→ Aim of the exercise
In your reply, reproduce the lines from the first one below to the line containing "#200=IFCRELAGGREGATES('0000000000000000000009',$,$,$,#11,(#15));", inclusive, exactly as they stand.

[Dataset entries]
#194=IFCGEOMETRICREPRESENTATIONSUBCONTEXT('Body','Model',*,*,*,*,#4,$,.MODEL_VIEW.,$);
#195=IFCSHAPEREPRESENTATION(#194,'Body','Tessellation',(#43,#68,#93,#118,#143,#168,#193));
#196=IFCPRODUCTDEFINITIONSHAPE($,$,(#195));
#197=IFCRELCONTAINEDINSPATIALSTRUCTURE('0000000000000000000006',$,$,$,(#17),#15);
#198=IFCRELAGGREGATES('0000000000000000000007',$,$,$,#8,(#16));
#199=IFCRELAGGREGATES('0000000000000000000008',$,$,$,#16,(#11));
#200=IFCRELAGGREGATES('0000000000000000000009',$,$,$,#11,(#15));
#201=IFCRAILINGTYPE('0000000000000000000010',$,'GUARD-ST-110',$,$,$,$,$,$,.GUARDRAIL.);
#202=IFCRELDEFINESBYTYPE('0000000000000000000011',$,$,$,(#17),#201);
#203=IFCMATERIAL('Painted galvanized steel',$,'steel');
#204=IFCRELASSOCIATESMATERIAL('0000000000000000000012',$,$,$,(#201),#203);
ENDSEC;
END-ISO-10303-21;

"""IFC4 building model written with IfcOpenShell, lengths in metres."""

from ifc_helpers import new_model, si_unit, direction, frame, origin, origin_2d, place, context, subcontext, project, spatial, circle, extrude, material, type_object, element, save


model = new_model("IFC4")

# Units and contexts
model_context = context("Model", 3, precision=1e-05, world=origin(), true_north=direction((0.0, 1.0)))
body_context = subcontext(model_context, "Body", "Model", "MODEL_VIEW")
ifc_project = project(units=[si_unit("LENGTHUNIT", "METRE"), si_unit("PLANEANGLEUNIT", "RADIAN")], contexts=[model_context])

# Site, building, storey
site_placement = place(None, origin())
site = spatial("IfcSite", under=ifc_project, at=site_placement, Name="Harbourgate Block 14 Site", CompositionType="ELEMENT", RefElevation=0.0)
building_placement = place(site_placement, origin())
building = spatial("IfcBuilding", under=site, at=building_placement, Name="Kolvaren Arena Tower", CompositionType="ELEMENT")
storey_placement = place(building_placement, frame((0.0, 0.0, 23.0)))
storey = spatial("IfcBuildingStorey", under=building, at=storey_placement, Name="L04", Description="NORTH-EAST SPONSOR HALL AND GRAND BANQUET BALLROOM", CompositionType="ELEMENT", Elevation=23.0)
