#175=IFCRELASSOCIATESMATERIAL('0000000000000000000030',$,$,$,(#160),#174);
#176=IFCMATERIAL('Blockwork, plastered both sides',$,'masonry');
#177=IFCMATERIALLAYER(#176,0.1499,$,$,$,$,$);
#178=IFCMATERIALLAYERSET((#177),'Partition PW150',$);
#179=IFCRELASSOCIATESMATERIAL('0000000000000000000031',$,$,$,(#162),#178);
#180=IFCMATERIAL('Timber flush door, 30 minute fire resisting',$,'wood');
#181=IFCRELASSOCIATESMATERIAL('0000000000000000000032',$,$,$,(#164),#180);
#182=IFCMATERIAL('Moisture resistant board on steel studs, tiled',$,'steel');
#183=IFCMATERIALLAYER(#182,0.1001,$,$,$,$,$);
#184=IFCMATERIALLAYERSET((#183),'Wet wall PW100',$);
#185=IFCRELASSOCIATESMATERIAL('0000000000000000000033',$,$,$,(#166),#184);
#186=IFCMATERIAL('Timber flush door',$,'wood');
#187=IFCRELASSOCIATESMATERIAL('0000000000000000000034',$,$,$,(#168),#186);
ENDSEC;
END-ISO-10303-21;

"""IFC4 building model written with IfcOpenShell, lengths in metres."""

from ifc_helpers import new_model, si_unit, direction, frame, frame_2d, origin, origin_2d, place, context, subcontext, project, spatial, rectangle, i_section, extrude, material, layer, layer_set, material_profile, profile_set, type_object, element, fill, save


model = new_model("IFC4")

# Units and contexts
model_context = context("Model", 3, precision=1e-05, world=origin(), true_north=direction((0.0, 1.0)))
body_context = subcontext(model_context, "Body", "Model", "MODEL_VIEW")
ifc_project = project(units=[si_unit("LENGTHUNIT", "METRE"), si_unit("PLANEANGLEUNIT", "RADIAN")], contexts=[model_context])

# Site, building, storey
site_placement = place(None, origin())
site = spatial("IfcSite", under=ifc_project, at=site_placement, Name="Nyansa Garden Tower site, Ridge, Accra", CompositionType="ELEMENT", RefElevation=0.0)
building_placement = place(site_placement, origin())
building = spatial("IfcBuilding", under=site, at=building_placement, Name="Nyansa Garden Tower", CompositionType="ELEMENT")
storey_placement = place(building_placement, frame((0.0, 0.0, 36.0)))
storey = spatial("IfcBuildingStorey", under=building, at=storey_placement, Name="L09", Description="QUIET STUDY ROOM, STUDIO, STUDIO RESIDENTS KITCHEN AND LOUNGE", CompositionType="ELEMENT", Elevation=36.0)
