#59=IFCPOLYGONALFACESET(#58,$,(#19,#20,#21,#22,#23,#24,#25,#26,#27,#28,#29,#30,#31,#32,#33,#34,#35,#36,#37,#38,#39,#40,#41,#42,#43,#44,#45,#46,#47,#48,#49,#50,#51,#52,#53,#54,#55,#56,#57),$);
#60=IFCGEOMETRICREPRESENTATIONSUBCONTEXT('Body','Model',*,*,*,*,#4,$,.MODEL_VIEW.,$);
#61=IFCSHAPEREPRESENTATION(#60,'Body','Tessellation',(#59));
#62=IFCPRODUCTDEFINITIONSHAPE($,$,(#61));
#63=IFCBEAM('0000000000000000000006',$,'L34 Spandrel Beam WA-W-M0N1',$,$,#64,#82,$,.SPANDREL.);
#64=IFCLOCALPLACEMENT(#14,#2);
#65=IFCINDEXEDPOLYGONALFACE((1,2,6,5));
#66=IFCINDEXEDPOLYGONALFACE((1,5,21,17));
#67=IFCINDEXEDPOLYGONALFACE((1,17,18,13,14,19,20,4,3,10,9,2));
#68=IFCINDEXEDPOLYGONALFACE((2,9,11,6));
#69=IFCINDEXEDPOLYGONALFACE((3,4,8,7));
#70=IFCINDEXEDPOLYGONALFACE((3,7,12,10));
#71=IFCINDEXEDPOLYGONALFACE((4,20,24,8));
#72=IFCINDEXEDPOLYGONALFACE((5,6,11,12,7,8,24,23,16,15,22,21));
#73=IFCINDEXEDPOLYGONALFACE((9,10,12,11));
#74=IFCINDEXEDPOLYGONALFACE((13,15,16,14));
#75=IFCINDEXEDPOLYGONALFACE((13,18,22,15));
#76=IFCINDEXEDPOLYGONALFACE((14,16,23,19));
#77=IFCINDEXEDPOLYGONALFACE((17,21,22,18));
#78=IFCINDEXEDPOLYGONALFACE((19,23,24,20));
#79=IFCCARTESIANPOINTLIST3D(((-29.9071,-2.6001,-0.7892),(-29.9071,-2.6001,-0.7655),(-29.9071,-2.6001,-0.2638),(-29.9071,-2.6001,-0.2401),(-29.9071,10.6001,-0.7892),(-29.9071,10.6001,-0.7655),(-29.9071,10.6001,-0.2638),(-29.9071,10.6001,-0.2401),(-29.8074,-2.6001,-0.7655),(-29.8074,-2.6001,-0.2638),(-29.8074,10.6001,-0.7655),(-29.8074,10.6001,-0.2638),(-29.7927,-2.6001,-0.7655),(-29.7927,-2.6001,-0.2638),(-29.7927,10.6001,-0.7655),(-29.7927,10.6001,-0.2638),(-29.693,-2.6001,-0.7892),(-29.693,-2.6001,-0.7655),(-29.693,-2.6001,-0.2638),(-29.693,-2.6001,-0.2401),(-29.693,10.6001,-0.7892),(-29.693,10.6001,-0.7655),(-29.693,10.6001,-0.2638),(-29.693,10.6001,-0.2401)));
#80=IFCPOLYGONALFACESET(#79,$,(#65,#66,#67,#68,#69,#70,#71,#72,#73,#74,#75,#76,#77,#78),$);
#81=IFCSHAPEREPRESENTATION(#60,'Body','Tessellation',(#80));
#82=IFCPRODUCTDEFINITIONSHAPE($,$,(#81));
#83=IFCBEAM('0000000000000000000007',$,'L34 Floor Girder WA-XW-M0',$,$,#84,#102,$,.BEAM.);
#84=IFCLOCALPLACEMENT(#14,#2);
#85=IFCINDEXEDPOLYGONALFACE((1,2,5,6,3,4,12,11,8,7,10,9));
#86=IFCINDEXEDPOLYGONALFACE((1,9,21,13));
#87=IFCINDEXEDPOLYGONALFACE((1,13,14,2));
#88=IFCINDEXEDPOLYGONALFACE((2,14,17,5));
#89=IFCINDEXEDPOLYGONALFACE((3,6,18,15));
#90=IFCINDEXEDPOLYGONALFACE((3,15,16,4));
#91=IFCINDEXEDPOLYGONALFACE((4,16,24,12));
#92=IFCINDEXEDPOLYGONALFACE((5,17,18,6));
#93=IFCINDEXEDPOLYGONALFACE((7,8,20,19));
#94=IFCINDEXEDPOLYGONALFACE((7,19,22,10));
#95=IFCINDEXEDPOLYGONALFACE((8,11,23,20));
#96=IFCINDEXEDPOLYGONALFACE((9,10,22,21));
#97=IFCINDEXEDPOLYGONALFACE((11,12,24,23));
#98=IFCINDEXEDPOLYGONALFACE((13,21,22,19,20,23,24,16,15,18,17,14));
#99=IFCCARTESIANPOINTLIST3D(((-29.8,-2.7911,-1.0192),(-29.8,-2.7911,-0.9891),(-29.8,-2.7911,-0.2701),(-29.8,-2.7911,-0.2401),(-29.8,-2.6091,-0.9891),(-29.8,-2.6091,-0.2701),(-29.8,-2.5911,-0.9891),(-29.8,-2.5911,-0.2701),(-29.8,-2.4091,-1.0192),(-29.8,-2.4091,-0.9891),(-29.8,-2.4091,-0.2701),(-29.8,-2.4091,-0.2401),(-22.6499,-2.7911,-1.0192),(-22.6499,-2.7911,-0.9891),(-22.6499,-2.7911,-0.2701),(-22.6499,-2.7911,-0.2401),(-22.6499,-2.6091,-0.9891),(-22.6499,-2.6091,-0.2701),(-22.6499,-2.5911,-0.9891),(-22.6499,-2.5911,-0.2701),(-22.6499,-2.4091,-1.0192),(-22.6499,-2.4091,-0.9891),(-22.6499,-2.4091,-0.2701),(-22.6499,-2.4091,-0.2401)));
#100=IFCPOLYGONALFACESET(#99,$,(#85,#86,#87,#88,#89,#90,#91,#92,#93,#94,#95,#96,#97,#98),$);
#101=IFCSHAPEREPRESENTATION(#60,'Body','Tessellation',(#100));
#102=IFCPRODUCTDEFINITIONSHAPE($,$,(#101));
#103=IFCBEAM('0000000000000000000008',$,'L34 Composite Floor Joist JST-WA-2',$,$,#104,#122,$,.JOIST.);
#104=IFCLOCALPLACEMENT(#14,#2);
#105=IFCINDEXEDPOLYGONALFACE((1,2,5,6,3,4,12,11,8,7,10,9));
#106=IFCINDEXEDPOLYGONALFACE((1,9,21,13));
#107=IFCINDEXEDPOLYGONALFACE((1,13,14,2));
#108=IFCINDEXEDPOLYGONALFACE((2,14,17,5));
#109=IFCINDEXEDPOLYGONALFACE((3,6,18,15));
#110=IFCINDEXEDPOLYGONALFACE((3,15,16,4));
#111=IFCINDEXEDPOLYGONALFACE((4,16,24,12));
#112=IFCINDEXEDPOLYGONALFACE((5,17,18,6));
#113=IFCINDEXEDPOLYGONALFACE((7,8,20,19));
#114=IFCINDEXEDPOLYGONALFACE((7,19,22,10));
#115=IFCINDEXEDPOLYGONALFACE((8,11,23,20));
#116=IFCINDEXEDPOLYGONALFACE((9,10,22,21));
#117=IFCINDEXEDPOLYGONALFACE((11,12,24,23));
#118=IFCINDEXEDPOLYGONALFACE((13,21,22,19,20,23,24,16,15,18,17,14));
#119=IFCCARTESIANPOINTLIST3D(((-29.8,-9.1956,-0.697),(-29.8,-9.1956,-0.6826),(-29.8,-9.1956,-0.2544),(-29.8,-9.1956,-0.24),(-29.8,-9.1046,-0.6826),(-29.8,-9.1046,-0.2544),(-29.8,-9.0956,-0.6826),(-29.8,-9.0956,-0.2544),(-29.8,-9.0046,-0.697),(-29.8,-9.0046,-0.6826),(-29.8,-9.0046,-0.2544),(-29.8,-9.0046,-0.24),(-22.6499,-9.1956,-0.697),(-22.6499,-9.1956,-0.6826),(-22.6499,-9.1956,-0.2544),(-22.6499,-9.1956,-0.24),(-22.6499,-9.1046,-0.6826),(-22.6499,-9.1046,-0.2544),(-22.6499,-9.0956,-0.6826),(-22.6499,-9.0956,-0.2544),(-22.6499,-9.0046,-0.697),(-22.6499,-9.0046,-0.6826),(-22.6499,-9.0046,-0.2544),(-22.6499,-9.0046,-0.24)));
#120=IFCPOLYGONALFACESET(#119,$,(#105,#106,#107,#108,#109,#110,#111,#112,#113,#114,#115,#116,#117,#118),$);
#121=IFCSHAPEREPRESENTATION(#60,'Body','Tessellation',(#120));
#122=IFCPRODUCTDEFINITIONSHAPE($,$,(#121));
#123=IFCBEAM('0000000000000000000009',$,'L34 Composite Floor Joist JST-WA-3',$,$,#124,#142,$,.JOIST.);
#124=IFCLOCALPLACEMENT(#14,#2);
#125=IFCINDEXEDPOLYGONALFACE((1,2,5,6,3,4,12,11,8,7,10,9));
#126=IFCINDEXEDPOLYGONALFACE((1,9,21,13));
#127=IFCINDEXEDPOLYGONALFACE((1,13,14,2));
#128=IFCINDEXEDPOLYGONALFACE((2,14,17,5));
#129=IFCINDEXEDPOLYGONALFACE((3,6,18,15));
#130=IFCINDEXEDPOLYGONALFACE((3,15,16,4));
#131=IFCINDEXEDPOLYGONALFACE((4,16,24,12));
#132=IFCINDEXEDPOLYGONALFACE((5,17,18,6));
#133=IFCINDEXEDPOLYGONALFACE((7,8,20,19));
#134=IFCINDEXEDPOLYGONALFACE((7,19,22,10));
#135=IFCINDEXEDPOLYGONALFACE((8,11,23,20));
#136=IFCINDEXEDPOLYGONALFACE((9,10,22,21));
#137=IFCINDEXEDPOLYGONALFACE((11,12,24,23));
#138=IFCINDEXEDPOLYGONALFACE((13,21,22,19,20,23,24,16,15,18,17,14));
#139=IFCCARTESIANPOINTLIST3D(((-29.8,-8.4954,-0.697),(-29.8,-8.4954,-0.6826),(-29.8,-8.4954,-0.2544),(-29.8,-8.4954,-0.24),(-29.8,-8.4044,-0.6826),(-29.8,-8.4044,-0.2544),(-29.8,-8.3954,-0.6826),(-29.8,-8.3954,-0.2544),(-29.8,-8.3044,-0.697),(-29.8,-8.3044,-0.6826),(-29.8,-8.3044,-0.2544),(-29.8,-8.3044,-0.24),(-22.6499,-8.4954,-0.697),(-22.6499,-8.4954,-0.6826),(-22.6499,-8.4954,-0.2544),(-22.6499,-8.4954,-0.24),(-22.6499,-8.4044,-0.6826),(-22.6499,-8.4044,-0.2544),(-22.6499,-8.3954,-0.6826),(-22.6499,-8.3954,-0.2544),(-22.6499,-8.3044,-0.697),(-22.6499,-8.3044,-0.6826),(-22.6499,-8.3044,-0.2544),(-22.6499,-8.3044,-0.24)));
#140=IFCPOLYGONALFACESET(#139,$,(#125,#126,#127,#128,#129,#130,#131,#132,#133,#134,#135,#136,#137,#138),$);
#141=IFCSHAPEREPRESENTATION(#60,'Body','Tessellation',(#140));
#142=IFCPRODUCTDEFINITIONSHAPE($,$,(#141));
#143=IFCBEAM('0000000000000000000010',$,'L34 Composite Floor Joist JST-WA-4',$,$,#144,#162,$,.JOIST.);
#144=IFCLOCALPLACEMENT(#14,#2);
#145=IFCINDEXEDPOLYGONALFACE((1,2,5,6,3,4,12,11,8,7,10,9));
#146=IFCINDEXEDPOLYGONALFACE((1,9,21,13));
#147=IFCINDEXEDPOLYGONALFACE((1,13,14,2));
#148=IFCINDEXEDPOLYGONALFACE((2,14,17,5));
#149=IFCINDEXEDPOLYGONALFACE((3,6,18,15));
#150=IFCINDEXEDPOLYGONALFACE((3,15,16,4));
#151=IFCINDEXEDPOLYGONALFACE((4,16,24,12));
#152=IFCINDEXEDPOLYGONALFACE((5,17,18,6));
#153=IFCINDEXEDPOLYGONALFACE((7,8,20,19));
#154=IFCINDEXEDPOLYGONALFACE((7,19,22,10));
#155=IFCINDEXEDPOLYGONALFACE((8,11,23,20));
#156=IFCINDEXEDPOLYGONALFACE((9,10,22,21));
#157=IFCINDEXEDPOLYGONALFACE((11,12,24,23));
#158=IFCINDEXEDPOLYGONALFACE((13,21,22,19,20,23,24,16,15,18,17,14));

→ Task answer
#194=IFCGEOMETRICREPRESENTATIONSUBCONTEXT('Body','Model',*,*,*,*,#4,$,.MODEL_VIEW.,$);
#195=IFCSHAPEREPRESENTATION(#194,'Body','Tessellation',(#43,#68,#93,#118,#143,#168,#193));
#196=IFCPRODUCTDEFINITIONSHAPE($,$,(#195));
#197=IFCRELCONTAINEDINSPATIALSTRUCTURE('0000000000000000000006',$,$,$,(#17),#15);
#198=IFCRELAGGREGATES('0000000000000000000007',$,$,$,#8,(#16));
#199=IFCRELAGGREGATES('0000000000000000000008',$,$,$,#16,(#11));
#200=IFCRELAGGREGATES('0000000000000000000009',$,$,$,#11,(#15));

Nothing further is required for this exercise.